Only the number is wanted: how many lines of the listing below contain "IFCSHAPEREPRESENTATION"?

▸ **Listed records**:
· · ·

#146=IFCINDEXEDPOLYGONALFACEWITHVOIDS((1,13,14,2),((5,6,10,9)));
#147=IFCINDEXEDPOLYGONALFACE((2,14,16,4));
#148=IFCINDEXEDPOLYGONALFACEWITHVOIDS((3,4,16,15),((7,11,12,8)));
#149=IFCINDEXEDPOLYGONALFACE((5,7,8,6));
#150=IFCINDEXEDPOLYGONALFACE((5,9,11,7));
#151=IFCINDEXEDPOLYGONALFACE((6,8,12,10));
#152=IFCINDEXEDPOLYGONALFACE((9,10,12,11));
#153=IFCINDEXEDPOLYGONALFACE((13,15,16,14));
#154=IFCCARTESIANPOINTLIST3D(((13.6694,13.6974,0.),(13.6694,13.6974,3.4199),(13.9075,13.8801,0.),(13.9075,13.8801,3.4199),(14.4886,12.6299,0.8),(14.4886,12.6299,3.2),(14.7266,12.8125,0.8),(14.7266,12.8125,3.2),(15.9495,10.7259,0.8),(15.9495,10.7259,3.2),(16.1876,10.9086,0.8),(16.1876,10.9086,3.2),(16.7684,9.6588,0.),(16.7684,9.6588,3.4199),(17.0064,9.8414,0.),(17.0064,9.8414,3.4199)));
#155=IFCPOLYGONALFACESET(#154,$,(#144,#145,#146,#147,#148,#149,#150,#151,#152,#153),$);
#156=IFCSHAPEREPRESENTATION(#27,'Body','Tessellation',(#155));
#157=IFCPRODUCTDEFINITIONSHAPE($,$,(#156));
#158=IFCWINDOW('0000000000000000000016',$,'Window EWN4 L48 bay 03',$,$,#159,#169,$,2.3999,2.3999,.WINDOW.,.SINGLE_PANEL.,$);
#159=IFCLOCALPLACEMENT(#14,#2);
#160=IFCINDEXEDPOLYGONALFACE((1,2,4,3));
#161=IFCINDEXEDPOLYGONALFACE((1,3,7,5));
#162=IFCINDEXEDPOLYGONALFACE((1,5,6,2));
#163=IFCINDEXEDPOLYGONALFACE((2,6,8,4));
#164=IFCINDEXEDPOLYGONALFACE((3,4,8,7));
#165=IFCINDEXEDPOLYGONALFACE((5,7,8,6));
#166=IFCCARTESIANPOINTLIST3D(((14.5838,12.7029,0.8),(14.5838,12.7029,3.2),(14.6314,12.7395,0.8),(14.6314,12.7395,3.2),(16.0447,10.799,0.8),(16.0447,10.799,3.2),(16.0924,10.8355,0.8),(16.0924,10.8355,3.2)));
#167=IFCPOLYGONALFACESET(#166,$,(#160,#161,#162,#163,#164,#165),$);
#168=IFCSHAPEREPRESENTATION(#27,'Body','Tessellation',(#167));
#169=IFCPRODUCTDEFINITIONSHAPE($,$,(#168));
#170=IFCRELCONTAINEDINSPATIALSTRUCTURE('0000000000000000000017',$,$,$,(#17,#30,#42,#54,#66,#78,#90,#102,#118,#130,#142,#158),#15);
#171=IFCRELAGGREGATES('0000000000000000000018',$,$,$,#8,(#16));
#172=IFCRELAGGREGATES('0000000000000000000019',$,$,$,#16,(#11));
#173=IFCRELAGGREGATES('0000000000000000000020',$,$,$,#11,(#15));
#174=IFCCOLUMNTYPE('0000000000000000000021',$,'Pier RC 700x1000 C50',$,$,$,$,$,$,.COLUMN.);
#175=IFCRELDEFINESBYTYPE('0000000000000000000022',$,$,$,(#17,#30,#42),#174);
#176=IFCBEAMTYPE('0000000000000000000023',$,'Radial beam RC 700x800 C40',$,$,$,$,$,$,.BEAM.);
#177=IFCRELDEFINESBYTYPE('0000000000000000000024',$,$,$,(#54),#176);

· · ·

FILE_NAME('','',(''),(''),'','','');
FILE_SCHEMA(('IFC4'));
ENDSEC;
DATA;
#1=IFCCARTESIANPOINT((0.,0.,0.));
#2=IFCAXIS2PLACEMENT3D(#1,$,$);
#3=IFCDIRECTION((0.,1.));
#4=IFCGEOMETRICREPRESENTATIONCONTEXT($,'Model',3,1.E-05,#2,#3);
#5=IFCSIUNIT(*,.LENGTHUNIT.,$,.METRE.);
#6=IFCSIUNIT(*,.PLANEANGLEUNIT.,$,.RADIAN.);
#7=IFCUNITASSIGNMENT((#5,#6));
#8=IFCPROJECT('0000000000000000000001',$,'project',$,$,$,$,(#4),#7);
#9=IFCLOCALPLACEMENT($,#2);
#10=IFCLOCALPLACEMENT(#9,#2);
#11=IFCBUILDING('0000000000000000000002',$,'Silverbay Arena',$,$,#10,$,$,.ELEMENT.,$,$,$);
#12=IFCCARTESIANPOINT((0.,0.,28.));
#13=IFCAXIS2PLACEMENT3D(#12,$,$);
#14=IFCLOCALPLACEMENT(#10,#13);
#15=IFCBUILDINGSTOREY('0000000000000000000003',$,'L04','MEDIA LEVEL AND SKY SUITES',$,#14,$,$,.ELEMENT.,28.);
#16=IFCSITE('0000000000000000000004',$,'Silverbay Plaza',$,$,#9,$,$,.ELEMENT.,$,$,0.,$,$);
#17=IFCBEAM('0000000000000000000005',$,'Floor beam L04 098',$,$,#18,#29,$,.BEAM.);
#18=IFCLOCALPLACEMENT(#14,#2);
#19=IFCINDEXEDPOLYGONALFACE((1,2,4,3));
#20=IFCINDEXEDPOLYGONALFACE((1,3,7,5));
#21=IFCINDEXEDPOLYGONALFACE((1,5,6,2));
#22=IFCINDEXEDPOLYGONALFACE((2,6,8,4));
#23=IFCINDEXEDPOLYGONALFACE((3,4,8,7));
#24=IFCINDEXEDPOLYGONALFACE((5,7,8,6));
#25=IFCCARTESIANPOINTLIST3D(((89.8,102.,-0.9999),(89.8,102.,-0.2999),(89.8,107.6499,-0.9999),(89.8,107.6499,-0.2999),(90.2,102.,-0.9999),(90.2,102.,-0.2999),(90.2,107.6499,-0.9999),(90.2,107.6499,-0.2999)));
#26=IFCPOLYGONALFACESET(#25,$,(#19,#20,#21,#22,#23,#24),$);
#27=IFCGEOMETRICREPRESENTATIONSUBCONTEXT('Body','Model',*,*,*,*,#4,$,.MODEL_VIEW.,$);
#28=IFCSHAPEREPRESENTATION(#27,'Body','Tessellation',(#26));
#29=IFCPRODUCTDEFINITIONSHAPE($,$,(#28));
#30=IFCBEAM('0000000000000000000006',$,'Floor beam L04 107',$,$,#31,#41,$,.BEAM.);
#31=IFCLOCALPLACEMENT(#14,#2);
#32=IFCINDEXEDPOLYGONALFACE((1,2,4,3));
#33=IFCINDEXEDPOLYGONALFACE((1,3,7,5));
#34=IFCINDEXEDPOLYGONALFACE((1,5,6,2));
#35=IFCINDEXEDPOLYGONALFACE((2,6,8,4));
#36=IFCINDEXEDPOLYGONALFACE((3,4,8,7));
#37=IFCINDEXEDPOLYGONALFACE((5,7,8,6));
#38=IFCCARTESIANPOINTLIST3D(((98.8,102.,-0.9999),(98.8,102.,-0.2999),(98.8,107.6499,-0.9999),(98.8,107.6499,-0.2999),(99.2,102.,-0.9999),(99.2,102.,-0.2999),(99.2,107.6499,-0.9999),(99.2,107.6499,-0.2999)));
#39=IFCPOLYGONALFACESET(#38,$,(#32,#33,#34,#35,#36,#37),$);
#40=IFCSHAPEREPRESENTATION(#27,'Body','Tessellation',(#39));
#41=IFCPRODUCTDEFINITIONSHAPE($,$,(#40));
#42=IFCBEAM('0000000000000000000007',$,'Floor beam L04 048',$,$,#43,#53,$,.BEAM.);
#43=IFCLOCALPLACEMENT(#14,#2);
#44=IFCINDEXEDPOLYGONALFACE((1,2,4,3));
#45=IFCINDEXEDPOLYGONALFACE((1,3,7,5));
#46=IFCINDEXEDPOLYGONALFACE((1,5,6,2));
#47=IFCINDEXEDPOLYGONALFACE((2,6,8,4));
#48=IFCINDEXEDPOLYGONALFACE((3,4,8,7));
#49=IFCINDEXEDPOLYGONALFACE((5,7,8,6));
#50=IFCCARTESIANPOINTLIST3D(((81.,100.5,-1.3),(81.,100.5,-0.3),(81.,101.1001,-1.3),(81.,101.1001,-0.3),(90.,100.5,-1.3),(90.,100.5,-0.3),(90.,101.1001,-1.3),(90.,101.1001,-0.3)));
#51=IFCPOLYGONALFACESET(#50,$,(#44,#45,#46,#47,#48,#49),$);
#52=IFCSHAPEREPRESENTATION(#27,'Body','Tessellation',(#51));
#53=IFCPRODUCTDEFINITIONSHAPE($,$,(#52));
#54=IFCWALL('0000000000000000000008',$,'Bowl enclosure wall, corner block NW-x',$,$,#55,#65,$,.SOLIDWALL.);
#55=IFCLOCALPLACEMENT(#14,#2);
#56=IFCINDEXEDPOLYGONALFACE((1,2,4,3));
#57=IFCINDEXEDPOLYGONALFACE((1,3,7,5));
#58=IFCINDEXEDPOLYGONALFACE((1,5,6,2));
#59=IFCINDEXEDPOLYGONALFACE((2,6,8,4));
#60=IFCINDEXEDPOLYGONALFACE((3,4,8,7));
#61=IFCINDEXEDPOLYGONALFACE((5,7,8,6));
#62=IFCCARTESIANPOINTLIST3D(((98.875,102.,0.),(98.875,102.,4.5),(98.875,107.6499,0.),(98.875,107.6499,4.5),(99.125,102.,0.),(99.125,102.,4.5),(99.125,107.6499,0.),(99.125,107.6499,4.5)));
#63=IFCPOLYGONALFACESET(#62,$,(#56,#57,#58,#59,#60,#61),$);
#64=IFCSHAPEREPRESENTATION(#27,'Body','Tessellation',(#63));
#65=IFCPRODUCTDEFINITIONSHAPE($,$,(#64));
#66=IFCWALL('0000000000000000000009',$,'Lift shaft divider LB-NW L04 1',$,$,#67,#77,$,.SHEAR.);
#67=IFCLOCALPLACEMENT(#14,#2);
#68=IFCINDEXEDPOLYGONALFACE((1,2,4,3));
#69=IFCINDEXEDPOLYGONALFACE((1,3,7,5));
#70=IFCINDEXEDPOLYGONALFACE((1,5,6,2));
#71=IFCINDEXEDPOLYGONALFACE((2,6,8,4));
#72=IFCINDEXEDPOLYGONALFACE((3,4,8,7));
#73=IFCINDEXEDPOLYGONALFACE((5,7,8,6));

· · ·

▸ **Response box**: 6